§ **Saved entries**

_ _ _ _

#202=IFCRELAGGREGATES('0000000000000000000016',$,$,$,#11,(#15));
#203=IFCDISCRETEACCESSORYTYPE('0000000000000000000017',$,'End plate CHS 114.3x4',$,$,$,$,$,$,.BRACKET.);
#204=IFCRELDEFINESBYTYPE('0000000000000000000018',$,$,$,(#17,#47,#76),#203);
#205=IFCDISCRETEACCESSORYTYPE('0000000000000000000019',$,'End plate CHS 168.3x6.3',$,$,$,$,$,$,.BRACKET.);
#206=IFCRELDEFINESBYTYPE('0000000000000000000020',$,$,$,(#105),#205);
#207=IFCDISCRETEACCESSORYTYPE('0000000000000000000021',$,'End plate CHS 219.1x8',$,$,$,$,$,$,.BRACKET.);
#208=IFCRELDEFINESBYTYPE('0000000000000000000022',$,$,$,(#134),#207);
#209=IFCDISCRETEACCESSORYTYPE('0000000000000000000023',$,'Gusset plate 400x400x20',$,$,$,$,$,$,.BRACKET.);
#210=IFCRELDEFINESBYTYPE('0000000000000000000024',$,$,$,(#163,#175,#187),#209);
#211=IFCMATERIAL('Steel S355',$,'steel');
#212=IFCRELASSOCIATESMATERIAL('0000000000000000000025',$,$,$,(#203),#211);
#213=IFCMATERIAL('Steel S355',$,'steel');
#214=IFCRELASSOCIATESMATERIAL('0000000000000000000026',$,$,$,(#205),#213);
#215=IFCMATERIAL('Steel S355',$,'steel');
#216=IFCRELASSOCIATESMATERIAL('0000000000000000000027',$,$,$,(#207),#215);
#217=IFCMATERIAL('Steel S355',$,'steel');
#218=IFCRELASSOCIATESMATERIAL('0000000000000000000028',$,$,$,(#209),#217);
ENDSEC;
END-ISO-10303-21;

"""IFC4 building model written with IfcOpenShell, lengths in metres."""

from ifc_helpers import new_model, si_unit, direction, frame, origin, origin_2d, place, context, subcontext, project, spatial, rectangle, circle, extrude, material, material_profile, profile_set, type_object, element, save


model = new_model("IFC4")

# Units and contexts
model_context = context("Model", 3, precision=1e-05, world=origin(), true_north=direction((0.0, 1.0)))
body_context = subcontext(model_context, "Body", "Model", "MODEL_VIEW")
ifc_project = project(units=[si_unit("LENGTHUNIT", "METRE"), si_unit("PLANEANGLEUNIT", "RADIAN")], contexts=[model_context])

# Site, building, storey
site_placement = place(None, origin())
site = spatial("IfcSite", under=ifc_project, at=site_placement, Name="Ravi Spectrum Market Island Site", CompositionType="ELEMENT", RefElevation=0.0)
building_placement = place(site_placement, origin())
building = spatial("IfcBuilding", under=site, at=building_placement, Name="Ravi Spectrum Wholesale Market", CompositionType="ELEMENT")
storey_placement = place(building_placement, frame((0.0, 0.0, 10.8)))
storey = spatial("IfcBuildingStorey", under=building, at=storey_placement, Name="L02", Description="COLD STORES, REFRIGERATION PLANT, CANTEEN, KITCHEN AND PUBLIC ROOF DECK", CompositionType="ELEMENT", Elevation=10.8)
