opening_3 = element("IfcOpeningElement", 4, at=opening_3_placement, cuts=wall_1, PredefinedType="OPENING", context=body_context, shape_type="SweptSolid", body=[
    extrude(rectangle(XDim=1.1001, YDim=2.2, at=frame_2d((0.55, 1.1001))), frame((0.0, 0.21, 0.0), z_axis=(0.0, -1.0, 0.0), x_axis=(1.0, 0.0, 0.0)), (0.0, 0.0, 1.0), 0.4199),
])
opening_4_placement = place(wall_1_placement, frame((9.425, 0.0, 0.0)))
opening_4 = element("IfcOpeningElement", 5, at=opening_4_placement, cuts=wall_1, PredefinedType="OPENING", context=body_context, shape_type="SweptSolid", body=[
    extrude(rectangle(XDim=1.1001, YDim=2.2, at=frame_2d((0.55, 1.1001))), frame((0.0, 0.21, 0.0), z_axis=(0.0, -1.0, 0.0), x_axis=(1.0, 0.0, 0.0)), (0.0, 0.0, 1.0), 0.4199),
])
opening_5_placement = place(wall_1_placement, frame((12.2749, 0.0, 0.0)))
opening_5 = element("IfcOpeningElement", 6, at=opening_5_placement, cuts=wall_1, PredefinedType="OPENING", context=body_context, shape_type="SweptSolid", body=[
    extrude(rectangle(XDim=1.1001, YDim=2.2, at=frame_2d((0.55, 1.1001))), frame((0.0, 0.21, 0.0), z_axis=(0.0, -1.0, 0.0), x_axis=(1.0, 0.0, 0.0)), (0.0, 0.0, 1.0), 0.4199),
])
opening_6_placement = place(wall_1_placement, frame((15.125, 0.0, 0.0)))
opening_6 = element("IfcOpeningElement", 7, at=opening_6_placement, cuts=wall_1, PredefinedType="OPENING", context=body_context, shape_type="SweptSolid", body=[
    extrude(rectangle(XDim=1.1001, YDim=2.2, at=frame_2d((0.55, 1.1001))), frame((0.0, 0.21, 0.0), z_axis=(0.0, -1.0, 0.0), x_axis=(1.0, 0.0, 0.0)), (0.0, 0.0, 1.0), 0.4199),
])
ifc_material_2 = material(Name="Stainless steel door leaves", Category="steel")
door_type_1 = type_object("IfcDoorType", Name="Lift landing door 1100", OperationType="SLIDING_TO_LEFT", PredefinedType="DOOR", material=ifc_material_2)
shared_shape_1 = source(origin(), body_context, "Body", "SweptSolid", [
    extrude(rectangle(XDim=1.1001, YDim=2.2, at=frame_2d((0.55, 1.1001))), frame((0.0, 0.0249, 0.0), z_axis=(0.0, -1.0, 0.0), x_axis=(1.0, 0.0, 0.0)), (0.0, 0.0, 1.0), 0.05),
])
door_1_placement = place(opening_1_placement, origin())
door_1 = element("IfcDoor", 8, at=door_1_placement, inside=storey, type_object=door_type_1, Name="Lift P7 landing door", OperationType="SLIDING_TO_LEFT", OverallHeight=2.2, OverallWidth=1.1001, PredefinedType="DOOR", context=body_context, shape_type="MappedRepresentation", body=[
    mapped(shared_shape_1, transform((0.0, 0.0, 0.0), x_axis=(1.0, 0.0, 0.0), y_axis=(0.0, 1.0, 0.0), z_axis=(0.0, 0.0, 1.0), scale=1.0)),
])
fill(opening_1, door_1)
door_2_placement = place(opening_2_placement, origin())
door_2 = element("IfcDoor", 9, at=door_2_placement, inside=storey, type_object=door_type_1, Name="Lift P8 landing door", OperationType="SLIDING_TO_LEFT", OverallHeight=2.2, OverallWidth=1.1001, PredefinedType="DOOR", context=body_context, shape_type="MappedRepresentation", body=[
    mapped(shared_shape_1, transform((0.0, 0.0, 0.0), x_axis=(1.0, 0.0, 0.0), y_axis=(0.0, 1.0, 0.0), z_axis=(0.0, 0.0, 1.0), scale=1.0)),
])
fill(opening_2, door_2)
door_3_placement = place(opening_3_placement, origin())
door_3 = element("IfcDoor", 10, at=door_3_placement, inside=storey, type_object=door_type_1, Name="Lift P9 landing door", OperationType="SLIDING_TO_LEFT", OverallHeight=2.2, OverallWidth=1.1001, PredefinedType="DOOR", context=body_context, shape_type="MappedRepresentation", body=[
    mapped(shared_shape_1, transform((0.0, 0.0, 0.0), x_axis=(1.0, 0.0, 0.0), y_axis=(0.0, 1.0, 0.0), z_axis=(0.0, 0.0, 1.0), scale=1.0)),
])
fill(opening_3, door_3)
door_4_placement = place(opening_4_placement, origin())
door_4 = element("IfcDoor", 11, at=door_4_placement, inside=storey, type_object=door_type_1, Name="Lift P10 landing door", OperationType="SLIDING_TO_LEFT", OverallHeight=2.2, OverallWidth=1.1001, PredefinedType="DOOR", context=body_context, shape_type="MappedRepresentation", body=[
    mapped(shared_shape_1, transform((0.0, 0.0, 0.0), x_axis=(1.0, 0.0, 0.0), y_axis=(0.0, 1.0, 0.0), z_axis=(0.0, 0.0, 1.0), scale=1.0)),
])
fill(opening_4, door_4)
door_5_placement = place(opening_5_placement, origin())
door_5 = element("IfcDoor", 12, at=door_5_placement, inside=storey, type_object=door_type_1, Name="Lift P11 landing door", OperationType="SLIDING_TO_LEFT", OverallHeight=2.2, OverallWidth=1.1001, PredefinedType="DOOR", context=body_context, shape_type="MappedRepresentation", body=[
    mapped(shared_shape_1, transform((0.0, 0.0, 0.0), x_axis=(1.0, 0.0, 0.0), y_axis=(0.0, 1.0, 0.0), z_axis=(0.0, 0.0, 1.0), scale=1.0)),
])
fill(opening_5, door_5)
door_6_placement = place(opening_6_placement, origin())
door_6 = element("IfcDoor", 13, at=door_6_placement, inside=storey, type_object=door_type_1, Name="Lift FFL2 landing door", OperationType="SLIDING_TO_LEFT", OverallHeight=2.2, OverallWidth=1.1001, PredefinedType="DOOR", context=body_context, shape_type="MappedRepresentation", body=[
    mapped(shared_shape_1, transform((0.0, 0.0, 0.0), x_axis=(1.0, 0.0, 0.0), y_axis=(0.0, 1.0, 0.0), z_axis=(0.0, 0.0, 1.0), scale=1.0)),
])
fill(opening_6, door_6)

_ _ _ _

For the string "IFCRELDEFINESBYTYPE", filter the data and copy out each line where it occurs.

§ **RESPONSE BELOW**
#204=IFCRELDEFINESBYTYPE('0000000000000000000018',$,$,$,(#17,#47,#76),#203);
#206=IFCRELDEFINESBYTYPE('0000000000000000000020',$,$,$,(#105),#205);
#208=IFCRELDEFINESBYTYPE('0000000000000000000022',$,$,$,(#134),#207);
#210=IFCRELDEFINESBYTYPE('0000000000000000000024',$,$,$,(#163,#175,#187),#209);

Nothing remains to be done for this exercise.